## [Data provided]

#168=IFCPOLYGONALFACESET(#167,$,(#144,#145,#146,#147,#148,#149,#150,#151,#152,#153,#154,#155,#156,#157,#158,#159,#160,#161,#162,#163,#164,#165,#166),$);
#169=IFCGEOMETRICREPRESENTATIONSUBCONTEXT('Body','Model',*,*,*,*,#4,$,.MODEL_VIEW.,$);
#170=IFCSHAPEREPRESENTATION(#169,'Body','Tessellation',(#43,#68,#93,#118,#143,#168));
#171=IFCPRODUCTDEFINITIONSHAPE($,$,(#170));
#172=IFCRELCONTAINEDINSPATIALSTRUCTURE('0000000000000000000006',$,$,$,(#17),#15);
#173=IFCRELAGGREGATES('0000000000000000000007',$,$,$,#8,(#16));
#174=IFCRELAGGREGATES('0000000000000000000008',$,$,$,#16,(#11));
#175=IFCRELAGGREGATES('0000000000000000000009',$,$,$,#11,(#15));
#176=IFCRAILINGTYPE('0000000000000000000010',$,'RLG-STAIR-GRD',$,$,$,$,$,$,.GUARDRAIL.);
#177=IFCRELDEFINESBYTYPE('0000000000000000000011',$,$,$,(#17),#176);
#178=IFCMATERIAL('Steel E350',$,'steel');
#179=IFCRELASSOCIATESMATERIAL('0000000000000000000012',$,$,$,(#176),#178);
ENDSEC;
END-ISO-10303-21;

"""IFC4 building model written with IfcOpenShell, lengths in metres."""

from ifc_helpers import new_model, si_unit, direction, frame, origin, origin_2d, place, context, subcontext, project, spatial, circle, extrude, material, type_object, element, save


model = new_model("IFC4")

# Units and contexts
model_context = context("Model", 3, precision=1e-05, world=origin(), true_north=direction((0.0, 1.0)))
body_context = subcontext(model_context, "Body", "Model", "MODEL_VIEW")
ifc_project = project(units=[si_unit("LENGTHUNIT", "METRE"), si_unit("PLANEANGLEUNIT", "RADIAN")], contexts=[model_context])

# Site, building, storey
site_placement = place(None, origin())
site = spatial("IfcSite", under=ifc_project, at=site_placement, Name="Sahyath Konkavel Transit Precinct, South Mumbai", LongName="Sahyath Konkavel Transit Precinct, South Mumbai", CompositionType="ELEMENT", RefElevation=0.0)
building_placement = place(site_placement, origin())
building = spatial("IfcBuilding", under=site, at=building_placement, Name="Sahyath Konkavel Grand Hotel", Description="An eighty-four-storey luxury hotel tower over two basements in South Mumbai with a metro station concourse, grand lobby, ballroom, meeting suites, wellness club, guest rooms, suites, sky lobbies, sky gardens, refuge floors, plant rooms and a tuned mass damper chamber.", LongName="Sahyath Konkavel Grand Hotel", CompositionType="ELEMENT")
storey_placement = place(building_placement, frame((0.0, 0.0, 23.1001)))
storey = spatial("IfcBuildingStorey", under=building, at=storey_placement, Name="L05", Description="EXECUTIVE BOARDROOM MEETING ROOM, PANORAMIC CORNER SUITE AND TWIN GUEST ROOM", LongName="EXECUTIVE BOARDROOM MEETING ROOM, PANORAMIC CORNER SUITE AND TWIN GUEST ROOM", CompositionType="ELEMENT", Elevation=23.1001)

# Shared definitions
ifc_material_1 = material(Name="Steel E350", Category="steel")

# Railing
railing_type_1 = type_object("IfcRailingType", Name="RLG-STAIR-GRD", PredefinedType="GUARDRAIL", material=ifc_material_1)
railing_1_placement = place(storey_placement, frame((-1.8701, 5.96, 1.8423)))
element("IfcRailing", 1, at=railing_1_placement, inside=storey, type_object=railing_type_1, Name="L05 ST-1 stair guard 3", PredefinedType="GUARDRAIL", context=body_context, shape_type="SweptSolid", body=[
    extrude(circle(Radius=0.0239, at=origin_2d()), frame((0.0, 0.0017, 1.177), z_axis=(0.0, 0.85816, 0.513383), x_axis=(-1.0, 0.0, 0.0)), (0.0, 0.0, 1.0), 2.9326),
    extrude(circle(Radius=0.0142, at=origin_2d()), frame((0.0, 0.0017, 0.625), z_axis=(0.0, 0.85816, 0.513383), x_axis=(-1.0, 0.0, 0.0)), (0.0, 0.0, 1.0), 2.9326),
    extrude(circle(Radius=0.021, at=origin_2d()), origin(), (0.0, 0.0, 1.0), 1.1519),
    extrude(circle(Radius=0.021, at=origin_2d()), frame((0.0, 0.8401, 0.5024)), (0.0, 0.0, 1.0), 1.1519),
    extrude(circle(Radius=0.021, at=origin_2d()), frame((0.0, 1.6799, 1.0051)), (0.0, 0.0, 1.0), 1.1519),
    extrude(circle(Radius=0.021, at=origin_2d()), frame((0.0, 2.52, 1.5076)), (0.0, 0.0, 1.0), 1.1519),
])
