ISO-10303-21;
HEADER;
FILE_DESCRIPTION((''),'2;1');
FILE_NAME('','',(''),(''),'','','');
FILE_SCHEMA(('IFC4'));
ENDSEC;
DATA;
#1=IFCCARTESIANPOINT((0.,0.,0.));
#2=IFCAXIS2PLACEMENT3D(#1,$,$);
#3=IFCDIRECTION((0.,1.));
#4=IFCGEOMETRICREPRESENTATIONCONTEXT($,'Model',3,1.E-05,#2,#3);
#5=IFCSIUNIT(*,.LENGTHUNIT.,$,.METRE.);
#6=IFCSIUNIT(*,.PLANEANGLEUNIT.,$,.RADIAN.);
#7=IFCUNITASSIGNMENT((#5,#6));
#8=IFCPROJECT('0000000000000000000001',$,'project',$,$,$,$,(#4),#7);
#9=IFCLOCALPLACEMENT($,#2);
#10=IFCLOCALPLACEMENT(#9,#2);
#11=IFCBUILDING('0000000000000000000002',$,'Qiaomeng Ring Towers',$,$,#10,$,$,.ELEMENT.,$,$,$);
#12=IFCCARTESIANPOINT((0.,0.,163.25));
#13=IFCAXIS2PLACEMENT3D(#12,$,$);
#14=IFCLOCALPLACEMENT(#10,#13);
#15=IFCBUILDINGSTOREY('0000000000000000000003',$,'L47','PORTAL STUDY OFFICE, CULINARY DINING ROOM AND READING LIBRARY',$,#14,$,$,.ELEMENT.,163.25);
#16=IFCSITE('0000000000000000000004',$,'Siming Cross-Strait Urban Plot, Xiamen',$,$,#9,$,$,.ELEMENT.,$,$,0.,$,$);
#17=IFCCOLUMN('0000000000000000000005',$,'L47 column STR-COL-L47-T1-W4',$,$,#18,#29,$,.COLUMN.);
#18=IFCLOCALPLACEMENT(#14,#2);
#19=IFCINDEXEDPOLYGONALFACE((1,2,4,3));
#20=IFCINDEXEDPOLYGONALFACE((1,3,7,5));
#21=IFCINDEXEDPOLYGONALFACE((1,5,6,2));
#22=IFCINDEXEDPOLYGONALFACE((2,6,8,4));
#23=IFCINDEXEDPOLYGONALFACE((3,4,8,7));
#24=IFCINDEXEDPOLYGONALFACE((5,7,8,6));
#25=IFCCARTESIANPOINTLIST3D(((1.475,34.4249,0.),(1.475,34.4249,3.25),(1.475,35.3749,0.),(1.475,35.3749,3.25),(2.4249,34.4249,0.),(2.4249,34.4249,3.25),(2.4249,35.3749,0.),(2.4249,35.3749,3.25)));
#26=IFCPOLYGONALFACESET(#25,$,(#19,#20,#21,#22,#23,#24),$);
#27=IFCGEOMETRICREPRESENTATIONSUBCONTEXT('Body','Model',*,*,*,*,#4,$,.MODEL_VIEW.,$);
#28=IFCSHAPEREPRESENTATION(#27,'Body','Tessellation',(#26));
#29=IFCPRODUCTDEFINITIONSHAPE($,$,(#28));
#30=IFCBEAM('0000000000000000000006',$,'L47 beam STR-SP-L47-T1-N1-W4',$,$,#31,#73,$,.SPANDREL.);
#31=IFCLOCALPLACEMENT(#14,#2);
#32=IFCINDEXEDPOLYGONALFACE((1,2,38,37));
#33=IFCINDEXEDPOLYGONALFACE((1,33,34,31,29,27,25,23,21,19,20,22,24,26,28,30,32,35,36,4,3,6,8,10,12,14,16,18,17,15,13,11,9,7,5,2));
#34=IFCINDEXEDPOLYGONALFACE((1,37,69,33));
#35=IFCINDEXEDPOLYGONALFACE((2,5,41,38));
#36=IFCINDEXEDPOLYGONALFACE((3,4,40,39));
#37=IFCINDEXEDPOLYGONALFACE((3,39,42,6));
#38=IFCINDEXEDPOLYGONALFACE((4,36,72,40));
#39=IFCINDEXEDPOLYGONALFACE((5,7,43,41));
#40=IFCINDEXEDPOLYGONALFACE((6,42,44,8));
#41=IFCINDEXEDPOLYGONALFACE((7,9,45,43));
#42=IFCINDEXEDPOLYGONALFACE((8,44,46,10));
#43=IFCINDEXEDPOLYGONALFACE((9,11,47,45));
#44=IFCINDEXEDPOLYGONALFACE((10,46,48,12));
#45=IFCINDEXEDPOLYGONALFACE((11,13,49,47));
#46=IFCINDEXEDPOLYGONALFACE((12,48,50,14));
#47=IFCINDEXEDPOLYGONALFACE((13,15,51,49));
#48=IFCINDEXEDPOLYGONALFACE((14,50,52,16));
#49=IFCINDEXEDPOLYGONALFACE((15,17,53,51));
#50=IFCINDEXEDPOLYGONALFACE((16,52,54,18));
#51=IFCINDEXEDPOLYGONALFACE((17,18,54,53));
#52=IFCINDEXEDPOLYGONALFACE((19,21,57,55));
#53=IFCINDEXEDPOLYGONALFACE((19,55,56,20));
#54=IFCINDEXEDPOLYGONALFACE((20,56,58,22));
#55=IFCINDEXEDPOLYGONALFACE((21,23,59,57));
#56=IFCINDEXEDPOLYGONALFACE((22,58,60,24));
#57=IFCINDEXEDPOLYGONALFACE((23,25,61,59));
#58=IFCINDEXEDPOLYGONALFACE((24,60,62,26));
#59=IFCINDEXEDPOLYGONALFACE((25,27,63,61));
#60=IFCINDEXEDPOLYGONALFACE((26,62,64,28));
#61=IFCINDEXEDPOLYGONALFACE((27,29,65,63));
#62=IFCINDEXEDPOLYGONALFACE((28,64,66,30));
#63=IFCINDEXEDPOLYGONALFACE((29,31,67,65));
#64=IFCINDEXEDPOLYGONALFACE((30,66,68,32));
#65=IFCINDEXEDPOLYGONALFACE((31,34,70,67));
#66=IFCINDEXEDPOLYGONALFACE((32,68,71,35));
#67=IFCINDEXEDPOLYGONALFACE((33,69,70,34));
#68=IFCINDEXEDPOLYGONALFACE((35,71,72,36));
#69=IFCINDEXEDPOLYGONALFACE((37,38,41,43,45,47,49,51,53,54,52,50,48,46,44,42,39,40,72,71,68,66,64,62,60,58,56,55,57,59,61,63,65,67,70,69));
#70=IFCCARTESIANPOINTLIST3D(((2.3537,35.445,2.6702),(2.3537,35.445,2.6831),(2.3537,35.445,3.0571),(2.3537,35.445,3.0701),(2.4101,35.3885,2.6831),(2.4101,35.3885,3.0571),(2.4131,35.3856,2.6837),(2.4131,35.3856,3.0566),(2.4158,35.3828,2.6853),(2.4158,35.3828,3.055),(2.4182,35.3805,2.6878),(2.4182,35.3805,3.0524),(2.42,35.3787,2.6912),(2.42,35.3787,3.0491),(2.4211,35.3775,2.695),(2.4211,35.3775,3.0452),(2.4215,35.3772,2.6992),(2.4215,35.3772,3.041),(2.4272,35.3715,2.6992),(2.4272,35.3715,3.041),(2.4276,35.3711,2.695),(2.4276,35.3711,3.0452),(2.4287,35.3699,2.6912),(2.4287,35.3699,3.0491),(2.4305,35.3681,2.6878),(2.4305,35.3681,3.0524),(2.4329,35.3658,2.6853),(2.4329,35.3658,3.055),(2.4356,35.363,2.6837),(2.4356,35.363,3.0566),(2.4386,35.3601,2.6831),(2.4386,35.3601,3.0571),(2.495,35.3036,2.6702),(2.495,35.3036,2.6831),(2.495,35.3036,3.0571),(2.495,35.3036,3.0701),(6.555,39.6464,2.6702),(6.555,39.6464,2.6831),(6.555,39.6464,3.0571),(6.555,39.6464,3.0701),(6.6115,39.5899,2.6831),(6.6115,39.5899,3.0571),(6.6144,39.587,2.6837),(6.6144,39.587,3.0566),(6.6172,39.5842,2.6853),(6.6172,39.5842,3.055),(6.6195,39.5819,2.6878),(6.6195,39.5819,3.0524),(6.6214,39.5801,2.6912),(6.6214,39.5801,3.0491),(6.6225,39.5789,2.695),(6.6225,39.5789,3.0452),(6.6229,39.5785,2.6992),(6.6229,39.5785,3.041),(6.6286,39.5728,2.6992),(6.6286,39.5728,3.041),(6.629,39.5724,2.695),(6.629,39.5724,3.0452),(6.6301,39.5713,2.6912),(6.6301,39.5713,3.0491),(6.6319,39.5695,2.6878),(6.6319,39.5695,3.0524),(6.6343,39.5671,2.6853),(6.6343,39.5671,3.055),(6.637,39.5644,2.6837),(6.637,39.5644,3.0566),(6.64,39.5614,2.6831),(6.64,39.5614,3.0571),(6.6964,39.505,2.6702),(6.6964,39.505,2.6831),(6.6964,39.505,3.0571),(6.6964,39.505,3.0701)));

## [Exercise directions]
From the entries above, restate word for word the lines from the line containing "#57=IFCINDEXEDPOLYGONALFACE((23,25,61,59));" to the line containing "#68=IFCINDEXEDPOLYGONALFACE((35,71,72,36));", both ends included, and nothing more.

## [Answer box]
#57=IFCINDEXEDPOLYGONALFACE((23,25,61,59));
#58=IFCINDEXEDPOLYGONALFACE((24,60,62,26));
#59=IFCINDEXEDPOLYGONALFACE((25,27,63,61));
#60=IFCINDEXEDPOLYGONALFACE((26,62,64,28));
#61=IFCINDEXEDPOLYGONALFACE((27,29,65,63));
#62=IFCINDEXEDPOLYGONALFACE((28,64,66,30));
#63=IFCINDEXEDPOLYGONALFACE((29,31,67,65));
#64=IFCINDEXEDPOLYGONALFACE((30,66,68,32));
#65=IFCINDEXEDPOLYGONALFACE((31,34,70,67));
#66=IFCINDEXEDPOLYGONALFACE((32,68,71,35));
#67=IFCINDEXEDPOLYGONALFACE((33,69,70,34));
#68=IFCINDEXEDPOLYGONALFACE((35,71,72,36));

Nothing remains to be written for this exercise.